-------- MATERIAL PROVIDED --------
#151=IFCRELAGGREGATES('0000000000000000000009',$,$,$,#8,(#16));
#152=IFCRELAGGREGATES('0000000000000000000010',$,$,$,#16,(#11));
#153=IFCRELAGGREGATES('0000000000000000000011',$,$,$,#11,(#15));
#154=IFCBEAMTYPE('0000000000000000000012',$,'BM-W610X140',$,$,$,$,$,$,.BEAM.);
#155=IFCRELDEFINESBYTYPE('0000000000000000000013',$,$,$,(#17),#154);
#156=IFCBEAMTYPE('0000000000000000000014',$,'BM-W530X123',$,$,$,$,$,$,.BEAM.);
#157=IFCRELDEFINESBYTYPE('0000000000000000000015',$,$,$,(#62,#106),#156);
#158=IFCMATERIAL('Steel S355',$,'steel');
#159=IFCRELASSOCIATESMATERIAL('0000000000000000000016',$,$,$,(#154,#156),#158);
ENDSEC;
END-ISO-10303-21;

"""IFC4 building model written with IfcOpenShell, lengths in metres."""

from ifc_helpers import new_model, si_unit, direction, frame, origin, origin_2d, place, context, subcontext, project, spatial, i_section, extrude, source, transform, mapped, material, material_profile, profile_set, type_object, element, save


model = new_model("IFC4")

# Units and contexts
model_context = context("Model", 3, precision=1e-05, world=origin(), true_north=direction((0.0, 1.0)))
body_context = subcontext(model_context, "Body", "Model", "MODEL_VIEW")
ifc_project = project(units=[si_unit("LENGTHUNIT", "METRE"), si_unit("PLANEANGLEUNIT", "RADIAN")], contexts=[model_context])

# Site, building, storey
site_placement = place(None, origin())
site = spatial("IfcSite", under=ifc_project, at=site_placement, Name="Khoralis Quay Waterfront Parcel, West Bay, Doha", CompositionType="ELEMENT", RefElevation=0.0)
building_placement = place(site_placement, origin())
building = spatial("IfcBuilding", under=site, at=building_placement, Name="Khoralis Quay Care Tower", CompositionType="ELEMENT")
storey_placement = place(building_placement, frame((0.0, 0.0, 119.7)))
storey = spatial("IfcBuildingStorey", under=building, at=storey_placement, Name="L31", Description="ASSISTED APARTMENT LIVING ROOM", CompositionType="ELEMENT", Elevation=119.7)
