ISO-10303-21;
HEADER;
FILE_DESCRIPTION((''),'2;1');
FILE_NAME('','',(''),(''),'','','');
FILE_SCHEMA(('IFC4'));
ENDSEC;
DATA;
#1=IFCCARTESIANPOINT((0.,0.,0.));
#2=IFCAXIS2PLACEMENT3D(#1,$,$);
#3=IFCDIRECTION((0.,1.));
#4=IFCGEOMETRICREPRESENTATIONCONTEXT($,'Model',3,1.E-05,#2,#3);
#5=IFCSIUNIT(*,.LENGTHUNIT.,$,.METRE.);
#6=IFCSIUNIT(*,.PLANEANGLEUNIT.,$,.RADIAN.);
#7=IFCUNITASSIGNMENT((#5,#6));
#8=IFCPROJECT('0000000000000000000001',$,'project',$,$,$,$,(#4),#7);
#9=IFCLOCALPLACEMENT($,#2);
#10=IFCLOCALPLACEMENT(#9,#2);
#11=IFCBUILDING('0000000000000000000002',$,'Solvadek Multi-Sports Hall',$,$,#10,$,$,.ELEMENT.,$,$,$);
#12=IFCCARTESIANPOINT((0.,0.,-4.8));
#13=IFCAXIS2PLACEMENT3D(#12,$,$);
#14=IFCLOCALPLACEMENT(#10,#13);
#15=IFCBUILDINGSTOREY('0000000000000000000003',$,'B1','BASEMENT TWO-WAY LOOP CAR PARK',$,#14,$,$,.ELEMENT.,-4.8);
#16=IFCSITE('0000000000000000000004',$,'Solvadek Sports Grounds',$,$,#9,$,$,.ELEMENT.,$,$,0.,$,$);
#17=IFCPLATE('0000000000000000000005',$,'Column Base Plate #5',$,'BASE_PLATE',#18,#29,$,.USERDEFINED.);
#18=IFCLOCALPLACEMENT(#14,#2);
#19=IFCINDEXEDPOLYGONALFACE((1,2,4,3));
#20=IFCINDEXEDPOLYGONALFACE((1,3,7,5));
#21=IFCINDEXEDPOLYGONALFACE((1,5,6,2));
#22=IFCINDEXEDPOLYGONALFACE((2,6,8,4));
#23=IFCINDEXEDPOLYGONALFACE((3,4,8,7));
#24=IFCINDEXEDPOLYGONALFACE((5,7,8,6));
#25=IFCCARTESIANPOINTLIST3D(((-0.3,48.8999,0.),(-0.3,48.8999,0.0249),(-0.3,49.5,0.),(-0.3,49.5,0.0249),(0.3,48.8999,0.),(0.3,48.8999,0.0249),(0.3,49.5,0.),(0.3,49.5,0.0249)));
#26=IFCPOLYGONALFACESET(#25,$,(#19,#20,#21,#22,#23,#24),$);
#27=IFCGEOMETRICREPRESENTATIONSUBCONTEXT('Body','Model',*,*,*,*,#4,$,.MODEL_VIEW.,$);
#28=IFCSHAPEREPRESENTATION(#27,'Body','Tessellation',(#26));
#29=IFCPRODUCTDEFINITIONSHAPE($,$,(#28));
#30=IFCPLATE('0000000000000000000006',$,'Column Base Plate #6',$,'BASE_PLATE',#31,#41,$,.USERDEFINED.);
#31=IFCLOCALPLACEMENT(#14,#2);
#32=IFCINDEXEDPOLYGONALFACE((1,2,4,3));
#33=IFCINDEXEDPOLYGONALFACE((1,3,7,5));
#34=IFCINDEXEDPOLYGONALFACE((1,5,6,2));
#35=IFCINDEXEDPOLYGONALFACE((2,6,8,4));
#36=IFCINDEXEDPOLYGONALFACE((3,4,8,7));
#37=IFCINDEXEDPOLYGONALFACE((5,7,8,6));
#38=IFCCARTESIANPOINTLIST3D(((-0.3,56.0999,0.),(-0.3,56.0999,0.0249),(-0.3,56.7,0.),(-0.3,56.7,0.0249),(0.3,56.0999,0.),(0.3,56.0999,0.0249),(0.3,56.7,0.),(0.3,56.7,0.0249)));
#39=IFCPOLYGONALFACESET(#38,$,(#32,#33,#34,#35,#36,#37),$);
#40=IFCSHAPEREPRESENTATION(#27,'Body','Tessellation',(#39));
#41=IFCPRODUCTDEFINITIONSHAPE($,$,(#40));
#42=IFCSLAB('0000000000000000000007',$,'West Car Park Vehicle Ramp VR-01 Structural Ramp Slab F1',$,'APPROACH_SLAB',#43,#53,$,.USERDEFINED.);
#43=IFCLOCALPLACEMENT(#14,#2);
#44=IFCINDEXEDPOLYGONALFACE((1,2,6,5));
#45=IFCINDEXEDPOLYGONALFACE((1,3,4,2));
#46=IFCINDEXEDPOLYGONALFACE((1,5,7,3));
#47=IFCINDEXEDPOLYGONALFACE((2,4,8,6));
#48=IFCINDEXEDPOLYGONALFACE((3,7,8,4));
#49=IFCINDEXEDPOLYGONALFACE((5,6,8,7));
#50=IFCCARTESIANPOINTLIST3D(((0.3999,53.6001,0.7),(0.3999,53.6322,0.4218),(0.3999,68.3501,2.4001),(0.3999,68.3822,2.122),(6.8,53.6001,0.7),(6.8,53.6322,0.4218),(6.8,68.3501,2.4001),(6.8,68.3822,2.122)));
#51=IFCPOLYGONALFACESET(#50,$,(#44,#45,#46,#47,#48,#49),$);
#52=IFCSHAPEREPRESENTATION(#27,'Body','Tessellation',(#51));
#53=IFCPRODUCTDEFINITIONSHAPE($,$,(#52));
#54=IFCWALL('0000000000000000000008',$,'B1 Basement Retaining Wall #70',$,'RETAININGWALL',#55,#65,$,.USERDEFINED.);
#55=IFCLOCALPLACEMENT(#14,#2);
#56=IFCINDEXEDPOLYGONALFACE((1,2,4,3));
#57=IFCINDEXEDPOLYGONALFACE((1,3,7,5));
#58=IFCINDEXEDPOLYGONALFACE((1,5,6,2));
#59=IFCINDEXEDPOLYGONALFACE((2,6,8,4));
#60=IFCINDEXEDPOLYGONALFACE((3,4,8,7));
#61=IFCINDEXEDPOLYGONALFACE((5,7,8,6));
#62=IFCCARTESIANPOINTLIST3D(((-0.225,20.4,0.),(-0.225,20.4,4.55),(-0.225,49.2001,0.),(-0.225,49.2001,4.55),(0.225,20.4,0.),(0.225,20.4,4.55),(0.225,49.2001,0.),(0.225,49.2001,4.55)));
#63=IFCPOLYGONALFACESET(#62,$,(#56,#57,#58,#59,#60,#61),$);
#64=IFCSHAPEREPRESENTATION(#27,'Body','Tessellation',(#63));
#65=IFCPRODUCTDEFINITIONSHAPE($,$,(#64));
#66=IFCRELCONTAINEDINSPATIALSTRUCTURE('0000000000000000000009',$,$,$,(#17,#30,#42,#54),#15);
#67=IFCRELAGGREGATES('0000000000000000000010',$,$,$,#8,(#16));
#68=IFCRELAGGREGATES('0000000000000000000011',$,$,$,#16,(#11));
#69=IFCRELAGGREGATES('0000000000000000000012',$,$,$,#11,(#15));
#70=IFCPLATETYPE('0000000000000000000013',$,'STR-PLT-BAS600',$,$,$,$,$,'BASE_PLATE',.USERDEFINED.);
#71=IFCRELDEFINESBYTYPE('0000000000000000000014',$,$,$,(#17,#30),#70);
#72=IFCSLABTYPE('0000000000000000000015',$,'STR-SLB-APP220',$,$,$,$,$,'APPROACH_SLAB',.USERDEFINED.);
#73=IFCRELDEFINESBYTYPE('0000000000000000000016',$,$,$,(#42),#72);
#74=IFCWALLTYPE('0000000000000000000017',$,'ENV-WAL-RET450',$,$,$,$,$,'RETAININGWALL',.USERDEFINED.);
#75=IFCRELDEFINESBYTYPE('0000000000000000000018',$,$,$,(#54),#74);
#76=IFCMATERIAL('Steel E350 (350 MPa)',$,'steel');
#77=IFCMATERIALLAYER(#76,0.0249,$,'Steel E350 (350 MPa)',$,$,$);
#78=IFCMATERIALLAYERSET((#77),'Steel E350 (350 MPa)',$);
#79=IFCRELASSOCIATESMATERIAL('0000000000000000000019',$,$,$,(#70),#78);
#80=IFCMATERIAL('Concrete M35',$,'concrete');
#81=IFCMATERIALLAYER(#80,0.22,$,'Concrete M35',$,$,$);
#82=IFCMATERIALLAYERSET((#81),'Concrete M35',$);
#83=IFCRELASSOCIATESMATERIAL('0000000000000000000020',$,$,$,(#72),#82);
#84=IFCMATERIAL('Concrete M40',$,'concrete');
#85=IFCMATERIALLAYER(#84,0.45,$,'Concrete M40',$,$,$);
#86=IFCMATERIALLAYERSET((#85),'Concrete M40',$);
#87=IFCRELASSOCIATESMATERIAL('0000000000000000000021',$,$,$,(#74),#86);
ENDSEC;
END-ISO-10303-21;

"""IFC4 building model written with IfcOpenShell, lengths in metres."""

from ifc_helpers import new_model, si_unit, direction, frame, frame_2d, origin, origin_2d, place, context, subcontext, project, spatial, polyline, rectangle, outline, extrude, material, layer, layer_set, type_object, element, save


model = new_model("IFC4")

# Units and contexts
model_context = context("Model", 3, precision=1e-05, world=origin(), true_north=direction((0.0, 1.0)))
body_context = subcontext(model_context, "Body", "Model", "MODEL_VIEW")
ifc_project = project(units=[si_unit("LENGTHUNIT", "METRE"), si_unit("PLANEANGLEUNIT", "RADIAN")], contexts=[model_context])

# Site, building, storey
site_placement = place(None, origin())
site = spatial("IfcSite", under=ifc_project, at=site_placement, Name="Solvadek Sports Grounds", CompositionType="ELEMENT", RefElevation=0.0)
building_placement = place(site_placement, origin())
building = spatial("IfcBuilding", under=site, at=building_placement, Name="Solvadek Multi-Sports Hall", CompositionType="ELEMENT")
storey_placement = place(building_placement, frame((0.0, 0.0, -4.8)))
storey = spatial("IfcBuildingStorey", under=building, at=storey_placement, Name="B1", Description="BASEMENT TWO-WAY LOOP CAR PARK", CompositionType="ELEMENT", Elevation=-4.8)

# Shared definitions
ifc_material_1 = material(Name="Concrete M40", Category="concrete")

# Shared definitions
ifc_material_2 = material(Name="Concrete M35", Category="concrete")

# Shared definitions
ifc_material_3 = material(Name="Steel E350 (350 MPa)", Category="steel")

# Plates
ifc_layer_1 = layer(ifc_material_3, 0.0249, Name="Steel E350 (350 MPa)")
ifc_layer_set_1 = layer_set([ifc_layer_1], Name="Steel E350 (350 MPa)")
plate_type = type_object("IfcPlateType", Name="STR-PLT-BAS600", ElementType="BASE_PLATE", PredefinedType="USERDEFINED", material=ifc_layer_set_1)
for number, where, z_axis, x_axis, name in (
    (1, (0.0, 49.2, 0.0), (0.0, 0.0, 1.0), (1.0, 0.0, 0.0), "Column Base Plate #5"),
    (2, (0.0, 56.3999, 0.0), (0.0, 0.0, 1.0), (1.0, 0.0, 0.0), "Column Base Plate #6"),
):
    element("IfcPlate", number, at=place(storey_placement, frame(where, z_axis=z_axis, x_axis=x_axis)), inside=storey, type_object=plate_type, Name=name, ObjectType="BASE_PLATE", PredefinedType="USERDEFINED", context=body_context, shape_type="SweptSolid", body=[
        extrude(rectangle(XDim=0.6001, YDim=0.6001, at=origin_2d()), origin(), (0.0, 0.0, 1.0), 0.0249),
    ])

# Slab
ifc_layer_2 = layer(ifc_material_2, 0.22, Name="Concrete M35")
ifc_layer_set_2 = layer_set([ifc_layer_2], Name="Concrete M35")
slab_type = type_object("IfcSlabType", Name="STR-SLB-APP220", ElementType="APPROACH_SLAB", PredefinedType="USERDEFINED", material=ifc_layer_set_2)
slab_placement = place(storey_placement, frame((0.3999, 53.6001, 0.7), z_axis=(0.0, -0.114509, 0.993422), x_axis=(1.0, 0.0, 0.0)))
element("IfcSlab", 3, at=slab_placement, inside=storey, type_object=slab_type, Name="West Car Park Vehicle Ramp VR-01 Structural Ramp Slab F1", ObjectType="APPROACH_SLAB", PredefinedType="USERDEFINED", context=body_context, shape_type="SweptSolid", body=[
    extrude(outline(polyline([(0.0, 0.0), (6.4001, 0.0), (6.4001, 14.8477), (0.0, 14.8477), (0.0, 0.0)])), origin(), (0.0, 0.0, -1.0), 0.28),
])

# Wall
ifc_layer_3 = layer(ifc_material_1, 0.45, Name="Concrete M40")
ifc_layer_set_3 = layer_set([ifc_layer_3], Name="Concrete M40")
wall_type = type_object("IfcWallType", Name="ENV-WAL-RET450", ElementType="RETAININGWALL", PredefinedType="USERDEFINED", material=ifc_layer_set_3)
wall_placement = place(storey_placement, frame((0.0, 49.2, 0.0), z_axis=(0.0, 0.0, 1.0), x_axis=(0.0, -1.0, 0.0)))
element("IfcWall", 4, at=wall_placement, inside=storey, type_object=wall_type, Name="B1 Basement Retaining Wall #70", ObjectType="RETAININGWALL", PredefinedType="USERDEFINED", context=body_context, shape_type="SweptSolid", body=[
    extrude(rectangle(XDim=28.8, YDim=0.45, at=frame_2d((14.3999, 0.0))), origin(), (0.0, 0.0, 1.0), 4.55),
])

save(model, "model.ifc")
--------
* TO DO
Wherever the line holding "#26=IFCPOLYGONALFACESET(#25,$,(#19,#20,#21,#22,#23,#24),$);" falls in the entries above, copy exactly from it through the line holding "#37=IFCINDEXEDPOLYGONALFACE((5,7,8,6));", inclusive, and add nothing.

* EXPECTED ANSWER
#26=IFCPOLYGONALFACESET(#25,$,(#19,#20,#21,#22,#23,#24),$);
#27=IFCGEOMETRICREPRESENTATIONSUBCONTEXT('Body','Model',*,*,*,*,#4,$,.MODEL_VIEW.,$);
#28=IFCSHAPEREPRESENTATION(#27,'Body','Tessellation',(#26));
#29=IFCPRODUCTDEFINITIONSHAPE($,$,(#28));
#30=IFCPLATE('0000000000000000000006',$,'Column Base Plate #6',$,'BASE_PLATE',#31,#41,$,.USERDEFINED.);
#31=IFCLOCALPLACEMENT(#14,#2);
#32=IFCINDEXEDPOLYGONALFACE((1,2,4,3));
#33=IFCINDEXEDPOLYGONALFACE((1,3,7,5));
#34=IFCINDEXEDPOLYGONALFACE((1,5,6,2));
#35=IFCINDEXEDPOLYGONALFACE((2,6,8,4));
#36=IFCINDEXEDPOLYGONALFACE((3,4,8,7));
#37=IFCINDEXEDPOLYGONALFACE((5,7,8,6));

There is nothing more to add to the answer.